"""
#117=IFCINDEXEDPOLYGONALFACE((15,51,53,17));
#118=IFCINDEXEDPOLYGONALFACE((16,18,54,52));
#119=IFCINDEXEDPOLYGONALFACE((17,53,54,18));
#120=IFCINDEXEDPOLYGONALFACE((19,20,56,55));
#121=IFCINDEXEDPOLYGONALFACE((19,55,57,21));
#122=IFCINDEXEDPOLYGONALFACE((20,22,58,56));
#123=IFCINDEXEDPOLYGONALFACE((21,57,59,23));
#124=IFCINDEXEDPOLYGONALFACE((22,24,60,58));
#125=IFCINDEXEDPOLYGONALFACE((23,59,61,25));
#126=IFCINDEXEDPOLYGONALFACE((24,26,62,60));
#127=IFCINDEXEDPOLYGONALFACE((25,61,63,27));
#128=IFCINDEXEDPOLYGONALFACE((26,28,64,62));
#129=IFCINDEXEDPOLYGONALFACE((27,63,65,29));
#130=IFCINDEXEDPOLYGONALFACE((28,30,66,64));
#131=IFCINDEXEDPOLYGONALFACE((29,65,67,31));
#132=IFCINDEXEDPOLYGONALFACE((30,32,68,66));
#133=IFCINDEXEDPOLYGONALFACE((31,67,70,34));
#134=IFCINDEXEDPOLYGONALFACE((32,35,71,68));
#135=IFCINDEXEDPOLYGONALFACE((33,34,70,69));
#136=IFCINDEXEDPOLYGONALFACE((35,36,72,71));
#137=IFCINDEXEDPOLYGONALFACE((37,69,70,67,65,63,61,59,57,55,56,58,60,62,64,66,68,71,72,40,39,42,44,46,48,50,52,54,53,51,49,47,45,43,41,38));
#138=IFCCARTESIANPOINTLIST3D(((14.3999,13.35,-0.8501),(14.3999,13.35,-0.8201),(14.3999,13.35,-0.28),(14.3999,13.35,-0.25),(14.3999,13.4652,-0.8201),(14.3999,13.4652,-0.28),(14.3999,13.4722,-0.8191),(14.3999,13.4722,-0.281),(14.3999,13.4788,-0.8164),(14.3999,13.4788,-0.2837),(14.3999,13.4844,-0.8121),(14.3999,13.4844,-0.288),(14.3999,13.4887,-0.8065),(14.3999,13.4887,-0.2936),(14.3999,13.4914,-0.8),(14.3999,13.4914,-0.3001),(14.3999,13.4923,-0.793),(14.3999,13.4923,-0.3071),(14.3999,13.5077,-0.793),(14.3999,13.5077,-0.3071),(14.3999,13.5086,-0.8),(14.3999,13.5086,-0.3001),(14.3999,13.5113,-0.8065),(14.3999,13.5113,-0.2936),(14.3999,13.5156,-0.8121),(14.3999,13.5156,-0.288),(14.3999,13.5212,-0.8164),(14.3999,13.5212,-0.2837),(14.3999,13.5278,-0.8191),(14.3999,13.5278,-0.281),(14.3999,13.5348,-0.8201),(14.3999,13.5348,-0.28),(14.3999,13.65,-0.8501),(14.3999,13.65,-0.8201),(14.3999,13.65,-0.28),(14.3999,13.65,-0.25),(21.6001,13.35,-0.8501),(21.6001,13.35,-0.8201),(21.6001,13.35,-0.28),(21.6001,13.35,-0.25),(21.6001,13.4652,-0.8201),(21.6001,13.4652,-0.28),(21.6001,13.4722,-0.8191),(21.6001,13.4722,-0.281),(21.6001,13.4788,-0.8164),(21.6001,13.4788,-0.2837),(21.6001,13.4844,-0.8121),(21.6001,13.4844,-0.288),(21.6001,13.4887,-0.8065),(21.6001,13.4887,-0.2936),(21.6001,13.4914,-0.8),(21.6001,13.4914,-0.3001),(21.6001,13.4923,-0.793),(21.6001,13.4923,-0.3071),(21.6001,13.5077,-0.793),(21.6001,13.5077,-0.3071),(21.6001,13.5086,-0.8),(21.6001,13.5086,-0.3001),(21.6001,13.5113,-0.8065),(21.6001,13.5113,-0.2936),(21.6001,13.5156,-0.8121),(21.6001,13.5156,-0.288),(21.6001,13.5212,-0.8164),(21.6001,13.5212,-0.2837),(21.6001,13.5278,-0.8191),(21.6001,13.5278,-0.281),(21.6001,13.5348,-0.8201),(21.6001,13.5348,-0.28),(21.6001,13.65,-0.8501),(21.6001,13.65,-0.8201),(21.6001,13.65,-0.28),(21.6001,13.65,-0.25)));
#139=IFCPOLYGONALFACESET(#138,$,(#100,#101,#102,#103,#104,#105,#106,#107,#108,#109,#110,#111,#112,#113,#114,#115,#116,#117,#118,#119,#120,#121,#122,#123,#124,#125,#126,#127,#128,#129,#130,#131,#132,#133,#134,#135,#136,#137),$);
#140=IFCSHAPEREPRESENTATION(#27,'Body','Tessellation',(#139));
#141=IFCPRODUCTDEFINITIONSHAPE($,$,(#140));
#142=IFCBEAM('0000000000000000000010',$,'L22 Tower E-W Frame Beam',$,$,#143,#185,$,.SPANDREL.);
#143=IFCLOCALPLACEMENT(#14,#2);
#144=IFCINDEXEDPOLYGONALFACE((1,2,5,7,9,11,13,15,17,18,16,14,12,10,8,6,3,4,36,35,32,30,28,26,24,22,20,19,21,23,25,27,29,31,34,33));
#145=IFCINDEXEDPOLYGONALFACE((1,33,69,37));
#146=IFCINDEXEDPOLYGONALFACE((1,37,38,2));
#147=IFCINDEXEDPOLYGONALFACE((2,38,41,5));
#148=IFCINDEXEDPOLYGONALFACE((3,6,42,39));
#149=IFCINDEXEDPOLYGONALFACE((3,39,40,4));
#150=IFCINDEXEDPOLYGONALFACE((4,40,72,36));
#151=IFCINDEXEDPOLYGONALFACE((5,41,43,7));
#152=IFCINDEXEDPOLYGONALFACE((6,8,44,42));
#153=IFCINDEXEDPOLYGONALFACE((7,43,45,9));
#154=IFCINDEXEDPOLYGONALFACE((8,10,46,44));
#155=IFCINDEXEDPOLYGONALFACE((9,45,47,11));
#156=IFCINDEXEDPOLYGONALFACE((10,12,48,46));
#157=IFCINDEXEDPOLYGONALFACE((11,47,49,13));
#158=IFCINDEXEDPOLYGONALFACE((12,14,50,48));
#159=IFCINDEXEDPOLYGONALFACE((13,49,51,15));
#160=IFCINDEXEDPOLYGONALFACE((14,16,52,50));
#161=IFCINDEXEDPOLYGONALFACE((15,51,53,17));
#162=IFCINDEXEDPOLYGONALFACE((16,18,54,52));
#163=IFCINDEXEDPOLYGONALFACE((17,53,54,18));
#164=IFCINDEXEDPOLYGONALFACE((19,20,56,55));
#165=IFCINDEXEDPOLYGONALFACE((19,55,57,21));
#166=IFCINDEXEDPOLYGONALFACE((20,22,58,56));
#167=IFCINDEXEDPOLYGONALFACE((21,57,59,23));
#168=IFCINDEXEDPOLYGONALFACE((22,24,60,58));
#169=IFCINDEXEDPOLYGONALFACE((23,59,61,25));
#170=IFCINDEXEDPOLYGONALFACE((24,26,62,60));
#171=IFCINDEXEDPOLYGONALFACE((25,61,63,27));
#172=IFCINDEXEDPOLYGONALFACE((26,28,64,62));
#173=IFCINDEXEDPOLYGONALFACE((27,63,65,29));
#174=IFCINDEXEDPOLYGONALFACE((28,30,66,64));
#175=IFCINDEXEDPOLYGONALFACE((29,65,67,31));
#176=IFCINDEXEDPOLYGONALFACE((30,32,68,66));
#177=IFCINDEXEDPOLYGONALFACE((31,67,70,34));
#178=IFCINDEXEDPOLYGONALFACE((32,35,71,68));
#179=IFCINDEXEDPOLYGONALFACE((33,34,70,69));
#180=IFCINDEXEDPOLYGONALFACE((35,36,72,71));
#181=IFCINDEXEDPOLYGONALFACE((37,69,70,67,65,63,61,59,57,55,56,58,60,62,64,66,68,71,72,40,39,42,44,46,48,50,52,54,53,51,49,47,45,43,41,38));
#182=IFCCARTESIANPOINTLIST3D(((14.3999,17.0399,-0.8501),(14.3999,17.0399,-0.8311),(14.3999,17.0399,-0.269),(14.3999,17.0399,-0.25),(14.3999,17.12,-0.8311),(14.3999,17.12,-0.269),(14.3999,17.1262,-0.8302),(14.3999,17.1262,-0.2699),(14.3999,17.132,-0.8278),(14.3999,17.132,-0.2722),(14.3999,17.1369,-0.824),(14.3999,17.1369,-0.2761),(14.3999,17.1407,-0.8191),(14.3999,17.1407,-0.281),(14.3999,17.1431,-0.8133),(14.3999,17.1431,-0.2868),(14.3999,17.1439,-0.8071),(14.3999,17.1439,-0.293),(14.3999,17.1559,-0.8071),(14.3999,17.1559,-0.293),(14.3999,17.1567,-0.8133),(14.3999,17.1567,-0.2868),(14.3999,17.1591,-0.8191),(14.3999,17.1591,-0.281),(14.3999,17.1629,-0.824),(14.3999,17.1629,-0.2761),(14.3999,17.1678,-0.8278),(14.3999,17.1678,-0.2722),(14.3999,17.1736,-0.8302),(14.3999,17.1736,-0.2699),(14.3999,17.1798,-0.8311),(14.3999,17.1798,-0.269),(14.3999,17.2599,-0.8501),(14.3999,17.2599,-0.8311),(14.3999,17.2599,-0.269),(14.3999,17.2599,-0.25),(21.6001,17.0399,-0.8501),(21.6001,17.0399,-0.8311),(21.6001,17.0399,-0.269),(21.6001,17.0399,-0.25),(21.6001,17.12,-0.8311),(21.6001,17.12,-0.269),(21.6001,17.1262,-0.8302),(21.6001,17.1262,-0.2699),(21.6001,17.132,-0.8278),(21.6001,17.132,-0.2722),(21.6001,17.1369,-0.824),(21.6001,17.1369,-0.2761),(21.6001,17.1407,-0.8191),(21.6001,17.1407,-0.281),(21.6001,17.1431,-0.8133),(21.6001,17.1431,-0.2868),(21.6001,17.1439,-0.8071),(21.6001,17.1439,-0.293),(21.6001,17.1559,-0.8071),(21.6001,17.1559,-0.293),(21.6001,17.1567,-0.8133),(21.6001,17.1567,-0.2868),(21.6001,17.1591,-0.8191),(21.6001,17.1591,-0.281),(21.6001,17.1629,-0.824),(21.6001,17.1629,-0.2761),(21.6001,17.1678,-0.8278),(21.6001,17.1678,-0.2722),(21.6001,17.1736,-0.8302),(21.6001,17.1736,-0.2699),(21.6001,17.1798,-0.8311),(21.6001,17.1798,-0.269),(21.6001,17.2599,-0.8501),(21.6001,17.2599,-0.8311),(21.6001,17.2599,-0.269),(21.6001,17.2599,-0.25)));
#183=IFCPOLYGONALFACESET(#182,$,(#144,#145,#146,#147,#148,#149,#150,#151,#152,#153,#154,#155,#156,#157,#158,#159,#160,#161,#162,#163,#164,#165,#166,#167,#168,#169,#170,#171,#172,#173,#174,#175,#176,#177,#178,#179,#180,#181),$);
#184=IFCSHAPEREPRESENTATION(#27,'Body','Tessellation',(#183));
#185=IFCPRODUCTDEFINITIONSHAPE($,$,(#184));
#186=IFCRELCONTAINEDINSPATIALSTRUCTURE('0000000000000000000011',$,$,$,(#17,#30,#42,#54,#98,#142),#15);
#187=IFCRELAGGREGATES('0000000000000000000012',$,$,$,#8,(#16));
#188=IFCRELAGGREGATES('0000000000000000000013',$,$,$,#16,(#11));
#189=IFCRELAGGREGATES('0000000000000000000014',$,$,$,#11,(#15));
"""
For each line of the material that contains "Tessellation", return a copy.

#140=IFCSHAPEREPRESENTATION(#27,'Body','Tessellation',(#139));
#184=IFCSHAPEREPRESENTATION(#27,'Body','Tessellation',(#183));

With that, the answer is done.